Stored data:
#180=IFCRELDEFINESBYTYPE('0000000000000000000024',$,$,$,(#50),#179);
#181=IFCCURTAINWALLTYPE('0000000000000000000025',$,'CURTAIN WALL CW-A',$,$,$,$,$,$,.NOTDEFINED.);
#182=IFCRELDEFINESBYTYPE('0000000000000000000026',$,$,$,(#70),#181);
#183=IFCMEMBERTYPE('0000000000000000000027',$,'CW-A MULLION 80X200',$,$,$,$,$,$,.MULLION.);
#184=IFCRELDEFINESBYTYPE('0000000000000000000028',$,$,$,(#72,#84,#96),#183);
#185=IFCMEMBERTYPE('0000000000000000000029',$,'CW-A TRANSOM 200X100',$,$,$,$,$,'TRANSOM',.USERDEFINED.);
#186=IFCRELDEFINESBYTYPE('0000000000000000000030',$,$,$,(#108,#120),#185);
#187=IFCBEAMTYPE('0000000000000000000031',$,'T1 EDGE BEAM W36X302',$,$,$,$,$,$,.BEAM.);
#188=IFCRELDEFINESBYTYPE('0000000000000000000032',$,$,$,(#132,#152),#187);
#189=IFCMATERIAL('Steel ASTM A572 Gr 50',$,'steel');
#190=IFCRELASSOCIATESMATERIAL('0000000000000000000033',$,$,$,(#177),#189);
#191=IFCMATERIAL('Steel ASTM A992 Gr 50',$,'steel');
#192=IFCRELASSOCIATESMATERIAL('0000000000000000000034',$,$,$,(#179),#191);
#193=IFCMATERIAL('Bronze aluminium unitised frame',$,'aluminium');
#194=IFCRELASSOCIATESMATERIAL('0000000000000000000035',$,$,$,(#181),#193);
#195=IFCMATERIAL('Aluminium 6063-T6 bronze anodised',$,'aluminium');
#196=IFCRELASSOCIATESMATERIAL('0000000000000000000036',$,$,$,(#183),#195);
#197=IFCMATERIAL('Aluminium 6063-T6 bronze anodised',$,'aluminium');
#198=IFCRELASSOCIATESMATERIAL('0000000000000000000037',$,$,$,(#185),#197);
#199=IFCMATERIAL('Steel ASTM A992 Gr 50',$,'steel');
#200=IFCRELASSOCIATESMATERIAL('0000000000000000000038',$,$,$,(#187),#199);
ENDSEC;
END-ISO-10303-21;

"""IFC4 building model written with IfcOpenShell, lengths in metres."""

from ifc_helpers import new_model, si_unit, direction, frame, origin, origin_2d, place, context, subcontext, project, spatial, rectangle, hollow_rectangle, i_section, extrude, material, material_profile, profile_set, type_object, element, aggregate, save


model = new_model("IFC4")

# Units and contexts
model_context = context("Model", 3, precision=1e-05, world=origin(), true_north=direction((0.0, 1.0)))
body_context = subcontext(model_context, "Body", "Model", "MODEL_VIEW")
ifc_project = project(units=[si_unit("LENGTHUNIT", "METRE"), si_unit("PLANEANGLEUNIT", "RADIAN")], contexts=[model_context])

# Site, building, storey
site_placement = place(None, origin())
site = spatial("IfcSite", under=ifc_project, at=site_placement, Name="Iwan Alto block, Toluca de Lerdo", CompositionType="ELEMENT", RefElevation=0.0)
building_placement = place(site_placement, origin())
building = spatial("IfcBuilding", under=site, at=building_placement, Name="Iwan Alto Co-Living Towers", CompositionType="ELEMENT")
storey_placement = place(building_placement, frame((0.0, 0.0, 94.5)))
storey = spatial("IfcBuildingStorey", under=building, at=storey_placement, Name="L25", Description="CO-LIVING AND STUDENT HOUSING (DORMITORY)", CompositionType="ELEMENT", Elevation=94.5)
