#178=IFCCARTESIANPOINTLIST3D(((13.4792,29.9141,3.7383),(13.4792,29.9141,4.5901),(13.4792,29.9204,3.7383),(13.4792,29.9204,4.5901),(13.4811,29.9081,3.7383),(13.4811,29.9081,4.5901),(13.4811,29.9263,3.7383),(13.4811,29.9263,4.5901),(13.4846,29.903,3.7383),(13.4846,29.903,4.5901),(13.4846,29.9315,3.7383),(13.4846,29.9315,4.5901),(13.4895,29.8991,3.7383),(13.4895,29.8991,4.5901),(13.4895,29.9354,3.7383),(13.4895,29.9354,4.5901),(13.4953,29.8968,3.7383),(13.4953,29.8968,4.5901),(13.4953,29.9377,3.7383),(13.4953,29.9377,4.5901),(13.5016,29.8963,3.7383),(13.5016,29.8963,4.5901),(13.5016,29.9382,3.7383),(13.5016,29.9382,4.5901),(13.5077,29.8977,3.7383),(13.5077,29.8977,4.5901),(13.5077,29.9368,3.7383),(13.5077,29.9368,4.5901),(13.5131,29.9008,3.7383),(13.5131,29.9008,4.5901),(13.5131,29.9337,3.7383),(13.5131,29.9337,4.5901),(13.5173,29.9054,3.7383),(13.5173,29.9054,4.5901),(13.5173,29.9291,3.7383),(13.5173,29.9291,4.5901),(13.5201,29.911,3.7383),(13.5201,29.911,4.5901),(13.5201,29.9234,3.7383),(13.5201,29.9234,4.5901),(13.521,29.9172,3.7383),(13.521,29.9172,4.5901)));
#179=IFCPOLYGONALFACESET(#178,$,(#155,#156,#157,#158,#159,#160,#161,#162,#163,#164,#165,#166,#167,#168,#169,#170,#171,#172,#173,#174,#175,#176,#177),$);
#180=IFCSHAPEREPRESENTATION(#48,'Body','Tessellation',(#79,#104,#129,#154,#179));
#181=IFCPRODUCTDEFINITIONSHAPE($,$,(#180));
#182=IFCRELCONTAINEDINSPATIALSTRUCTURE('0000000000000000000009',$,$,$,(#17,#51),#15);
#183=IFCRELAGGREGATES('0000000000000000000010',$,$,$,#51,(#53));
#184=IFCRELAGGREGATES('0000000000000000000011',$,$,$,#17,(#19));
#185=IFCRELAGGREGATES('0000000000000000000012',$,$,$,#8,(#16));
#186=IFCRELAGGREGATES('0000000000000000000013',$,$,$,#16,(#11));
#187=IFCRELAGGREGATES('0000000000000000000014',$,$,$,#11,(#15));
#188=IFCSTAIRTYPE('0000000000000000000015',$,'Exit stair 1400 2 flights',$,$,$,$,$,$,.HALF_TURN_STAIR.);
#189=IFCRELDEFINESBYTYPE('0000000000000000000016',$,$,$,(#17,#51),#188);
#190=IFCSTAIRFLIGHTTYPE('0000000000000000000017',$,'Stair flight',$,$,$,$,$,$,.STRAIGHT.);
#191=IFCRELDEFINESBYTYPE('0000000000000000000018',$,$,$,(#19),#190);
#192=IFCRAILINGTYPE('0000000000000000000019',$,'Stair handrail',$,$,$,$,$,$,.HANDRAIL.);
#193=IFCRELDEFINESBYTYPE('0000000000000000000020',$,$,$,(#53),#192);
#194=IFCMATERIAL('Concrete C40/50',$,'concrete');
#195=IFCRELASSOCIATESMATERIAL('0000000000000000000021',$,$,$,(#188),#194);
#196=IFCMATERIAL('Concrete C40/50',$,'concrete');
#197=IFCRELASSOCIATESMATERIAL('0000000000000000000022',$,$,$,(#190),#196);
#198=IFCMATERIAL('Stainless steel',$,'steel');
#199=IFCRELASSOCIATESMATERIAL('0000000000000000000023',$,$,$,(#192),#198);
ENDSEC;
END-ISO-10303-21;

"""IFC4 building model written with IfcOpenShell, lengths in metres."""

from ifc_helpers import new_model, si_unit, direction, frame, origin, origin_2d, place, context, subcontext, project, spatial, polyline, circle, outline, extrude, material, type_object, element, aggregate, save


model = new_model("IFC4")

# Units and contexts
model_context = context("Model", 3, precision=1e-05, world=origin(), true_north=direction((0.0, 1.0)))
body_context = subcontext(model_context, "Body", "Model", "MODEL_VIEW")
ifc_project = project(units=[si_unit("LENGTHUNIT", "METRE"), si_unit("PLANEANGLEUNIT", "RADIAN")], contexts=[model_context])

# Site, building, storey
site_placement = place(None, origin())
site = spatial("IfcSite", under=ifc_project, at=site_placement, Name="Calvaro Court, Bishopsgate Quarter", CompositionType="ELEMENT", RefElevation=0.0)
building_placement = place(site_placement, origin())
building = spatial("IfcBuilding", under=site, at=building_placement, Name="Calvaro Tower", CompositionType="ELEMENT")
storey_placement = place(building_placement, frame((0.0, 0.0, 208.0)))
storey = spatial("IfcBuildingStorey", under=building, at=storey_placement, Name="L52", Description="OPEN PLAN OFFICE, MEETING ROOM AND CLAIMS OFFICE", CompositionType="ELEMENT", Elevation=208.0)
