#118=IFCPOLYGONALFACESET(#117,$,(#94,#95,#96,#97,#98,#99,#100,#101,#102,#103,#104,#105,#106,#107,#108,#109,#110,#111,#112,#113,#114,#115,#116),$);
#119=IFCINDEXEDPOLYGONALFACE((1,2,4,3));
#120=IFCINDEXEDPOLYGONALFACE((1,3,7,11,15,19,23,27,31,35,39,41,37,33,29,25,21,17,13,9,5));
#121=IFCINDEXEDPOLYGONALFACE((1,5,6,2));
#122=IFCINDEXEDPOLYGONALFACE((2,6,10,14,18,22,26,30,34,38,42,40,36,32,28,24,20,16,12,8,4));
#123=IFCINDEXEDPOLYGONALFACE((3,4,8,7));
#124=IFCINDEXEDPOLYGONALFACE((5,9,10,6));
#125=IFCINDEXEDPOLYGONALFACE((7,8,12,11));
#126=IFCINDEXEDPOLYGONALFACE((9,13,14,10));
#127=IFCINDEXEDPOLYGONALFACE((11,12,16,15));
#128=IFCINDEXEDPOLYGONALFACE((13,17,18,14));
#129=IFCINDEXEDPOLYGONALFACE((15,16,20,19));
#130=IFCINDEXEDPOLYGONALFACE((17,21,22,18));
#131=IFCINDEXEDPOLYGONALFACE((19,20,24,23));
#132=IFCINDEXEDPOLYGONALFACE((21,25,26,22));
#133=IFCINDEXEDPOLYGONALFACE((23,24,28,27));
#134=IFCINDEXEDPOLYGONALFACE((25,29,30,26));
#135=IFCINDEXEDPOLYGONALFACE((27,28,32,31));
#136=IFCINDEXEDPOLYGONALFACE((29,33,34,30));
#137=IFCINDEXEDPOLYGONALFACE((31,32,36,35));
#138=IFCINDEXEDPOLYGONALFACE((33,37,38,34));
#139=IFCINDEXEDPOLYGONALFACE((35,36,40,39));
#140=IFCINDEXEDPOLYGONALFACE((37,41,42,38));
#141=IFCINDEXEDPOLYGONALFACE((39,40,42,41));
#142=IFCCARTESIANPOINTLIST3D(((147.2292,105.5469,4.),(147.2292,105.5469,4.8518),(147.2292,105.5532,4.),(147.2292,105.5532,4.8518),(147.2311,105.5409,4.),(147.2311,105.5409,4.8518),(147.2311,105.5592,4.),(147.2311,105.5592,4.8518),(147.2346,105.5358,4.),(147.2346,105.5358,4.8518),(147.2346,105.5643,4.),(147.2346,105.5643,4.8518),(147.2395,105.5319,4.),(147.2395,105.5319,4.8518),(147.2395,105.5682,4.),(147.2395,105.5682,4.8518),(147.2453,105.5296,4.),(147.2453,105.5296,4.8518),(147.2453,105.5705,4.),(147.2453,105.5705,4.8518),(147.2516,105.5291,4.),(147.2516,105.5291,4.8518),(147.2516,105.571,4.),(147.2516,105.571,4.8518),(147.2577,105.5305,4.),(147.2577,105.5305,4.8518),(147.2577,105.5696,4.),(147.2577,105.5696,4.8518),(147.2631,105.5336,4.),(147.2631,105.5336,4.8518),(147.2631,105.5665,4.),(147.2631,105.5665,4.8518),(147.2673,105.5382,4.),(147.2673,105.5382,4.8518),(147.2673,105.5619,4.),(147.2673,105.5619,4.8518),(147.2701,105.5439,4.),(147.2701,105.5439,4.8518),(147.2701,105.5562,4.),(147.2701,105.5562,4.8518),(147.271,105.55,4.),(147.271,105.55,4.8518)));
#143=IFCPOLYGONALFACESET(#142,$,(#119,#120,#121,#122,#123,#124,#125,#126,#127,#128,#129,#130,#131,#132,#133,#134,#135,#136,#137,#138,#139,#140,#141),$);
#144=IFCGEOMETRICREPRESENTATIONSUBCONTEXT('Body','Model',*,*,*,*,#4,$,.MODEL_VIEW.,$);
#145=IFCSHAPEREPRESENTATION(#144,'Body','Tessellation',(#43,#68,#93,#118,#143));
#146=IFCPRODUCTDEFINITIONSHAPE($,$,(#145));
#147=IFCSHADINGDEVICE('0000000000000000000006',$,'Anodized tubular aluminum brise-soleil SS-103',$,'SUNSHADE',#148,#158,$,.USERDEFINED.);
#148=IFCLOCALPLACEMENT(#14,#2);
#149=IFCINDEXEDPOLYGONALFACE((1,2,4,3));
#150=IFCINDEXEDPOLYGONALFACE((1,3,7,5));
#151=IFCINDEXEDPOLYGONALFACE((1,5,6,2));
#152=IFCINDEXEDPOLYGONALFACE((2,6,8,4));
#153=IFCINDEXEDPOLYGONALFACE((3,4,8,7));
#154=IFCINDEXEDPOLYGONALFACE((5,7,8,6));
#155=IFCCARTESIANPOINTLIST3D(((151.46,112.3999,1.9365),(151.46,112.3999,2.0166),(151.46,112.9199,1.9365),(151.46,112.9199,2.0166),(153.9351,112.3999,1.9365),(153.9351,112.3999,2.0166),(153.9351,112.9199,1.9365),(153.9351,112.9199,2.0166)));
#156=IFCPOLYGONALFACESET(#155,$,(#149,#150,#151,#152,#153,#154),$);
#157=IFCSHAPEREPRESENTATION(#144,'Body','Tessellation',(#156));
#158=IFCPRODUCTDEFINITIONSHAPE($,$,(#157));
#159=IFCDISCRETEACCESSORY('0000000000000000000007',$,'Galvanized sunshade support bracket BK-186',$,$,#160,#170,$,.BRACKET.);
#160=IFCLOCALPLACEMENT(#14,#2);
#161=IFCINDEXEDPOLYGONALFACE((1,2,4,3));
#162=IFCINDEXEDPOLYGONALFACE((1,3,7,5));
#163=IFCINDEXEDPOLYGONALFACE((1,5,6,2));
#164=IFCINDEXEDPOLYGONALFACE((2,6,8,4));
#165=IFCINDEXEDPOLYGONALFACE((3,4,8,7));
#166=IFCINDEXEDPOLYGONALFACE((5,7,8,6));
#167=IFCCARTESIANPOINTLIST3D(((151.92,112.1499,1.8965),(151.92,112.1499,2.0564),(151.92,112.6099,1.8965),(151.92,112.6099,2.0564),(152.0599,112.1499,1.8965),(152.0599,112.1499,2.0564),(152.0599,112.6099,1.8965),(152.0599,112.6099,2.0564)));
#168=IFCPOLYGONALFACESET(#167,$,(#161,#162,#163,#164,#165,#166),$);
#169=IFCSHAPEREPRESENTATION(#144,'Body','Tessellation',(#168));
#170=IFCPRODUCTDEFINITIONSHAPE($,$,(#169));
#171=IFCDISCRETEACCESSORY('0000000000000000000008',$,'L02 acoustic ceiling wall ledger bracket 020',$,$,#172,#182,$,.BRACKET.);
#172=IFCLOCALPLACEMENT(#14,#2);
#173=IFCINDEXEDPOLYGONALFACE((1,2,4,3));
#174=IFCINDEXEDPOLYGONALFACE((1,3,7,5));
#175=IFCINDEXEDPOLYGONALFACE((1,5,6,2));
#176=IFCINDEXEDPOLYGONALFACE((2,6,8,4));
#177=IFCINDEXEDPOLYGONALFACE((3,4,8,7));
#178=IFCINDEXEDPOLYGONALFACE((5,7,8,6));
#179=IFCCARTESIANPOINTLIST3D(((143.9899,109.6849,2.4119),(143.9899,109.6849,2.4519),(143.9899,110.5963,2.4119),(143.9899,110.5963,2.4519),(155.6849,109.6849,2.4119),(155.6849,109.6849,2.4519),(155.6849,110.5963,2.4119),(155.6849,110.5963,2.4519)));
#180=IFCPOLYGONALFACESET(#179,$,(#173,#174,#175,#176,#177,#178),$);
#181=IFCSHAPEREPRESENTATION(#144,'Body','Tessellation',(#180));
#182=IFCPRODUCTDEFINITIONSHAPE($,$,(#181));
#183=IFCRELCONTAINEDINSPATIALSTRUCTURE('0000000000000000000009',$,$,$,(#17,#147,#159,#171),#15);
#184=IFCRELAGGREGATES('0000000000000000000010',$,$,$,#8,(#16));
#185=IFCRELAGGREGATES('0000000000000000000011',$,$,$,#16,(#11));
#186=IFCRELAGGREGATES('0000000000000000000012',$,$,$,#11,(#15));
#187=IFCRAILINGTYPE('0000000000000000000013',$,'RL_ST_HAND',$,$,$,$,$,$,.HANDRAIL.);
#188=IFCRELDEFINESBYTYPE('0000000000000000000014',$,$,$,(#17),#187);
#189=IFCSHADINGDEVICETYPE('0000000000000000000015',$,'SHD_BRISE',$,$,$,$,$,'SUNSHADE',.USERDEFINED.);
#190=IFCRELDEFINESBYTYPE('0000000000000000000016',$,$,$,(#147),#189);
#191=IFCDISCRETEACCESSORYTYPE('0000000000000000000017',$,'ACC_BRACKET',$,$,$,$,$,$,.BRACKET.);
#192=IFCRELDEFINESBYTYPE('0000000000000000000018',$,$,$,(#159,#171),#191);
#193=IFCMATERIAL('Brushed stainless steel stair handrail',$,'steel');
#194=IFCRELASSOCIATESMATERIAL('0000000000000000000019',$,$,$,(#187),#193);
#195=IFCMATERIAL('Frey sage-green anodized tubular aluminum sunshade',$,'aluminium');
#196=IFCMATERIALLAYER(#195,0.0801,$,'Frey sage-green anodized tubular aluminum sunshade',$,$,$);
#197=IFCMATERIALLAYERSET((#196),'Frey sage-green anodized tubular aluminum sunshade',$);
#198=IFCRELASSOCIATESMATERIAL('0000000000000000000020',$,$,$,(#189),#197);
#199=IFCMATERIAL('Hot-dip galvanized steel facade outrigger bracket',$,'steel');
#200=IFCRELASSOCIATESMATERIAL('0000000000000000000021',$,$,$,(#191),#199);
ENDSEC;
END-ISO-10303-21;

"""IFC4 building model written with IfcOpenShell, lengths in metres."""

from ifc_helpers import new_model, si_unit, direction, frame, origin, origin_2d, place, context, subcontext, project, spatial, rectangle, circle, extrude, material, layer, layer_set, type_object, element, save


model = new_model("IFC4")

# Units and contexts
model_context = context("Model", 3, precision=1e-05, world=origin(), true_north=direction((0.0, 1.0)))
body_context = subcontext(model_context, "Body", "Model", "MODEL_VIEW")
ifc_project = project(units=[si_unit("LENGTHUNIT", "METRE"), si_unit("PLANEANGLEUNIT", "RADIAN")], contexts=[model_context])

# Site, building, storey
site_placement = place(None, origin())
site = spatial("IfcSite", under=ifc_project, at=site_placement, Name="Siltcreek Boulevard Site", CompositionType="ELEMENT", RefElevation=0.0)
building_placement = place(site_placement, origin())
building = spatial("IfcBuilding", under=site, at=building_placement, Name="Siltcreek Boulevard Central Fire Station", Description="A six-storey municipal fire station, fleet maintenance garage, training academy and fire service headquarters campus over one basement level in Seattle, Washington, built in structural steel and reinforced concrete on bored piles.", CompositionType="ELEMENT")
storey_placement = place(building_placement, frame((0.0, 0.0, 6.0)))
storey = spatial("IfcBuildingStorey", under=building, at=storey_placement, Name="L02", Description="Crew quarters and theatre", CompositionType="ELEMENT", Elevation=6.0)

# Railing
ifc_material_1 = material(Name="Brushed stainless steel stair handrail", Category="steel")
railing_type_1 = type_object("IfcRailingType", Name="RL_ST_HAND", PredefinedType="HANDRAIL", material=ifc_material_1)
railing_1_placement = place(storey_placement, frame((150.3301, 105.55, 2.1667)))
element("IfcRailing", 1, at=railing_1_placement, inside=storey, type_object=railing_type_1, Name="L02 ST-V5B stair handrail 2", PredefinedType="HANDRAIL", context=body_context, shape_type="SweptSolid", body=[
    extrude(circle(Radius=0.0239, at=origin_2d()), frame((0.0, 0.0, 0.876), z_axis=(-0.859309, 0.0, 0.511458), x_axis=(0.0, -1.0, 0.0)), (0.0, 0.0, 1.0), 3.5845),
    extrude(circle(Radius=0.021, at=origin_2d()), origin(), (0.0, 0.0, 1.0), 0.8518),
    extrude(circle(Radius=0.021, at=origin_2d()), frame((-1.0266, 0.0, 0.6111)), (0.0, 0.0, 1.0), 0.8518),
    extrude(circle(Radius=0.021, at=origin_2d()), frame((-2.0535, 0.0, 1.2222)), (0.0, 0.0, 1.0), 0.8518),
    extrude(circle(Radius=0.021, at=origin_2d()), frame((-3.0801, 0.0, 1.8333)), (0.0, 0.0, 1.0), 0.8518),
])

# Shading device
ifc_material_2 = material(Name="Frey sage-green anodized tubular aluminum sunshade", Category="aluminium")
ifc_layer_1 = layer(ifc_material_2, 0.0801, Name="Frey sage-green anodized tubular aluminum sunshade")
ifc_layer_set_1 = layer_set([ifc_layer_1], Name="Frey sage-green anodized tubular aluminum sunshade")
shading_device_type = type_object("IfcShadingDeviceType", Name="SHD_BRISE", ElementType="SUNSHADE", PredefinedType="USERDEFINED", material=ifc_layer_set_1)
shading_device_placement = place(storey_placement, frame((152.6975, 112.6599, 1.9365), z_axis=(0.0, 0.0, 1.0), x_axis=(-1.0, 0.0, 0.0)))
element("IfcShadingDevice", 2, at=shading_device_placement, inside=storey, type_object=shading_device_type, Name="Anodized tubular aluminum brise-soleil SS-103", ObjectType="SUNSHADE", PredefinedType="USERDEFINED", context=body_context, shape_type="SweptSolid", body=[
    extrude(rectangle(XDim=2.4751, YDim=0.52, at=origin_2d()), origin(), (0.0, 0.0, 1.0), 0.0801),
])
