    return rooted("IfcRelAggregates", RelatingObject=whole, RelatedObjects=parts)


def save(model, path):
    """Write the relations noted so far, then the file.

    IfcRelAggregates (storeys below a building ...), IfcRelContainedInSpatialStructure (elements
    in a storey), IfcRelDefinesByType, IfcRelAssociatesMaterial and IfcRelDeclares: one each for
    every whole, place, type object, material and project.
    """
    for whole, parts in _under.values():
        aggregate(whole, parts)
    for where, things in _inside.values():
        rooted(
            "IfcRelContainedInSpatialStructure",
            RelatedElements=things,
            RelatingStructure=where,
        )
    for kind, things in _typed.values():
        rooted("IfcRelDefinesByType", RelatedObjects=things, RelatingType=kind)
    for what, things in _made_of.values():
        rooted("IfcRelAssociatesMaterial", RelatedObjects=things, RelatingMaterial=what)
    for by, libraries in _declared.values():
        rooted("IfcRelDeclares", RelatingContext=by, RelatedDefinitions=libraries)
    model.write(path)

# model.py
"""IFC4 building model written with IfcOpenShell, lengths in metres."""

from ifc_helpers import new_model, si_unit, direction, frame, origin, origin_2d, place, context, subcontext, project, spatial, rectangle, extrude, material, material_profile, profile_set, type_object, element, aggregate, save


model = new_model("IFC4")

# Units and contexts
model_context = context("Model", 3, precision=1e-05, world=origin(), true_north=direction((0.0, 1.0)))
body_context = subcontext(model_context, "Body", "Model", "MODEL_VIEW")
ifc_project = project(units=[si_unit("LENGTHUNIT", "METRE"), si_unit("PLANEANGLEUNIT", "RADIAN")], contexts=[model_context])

> _EXERCISE DIRECTIONS_
What you give back must be the stretch above, starting at the line with "frame((0.0, 0.0, 208.0)))" and ending at the line with "PLAN OFFICE, MEETING", copied exactly.

> _ANSWER_
storey_placement = place(building_placement, frame((0.0, 0.0, 208.0)))
storey = spatial("IfcBuildingStorey", under=building, at=storey_placement, Name="L52", Description="OPEN PLAN OFFICE, MEETING ROOM AND CLAIMS OFFICE", CompositionType="ELEMENT", Elevation=208.0)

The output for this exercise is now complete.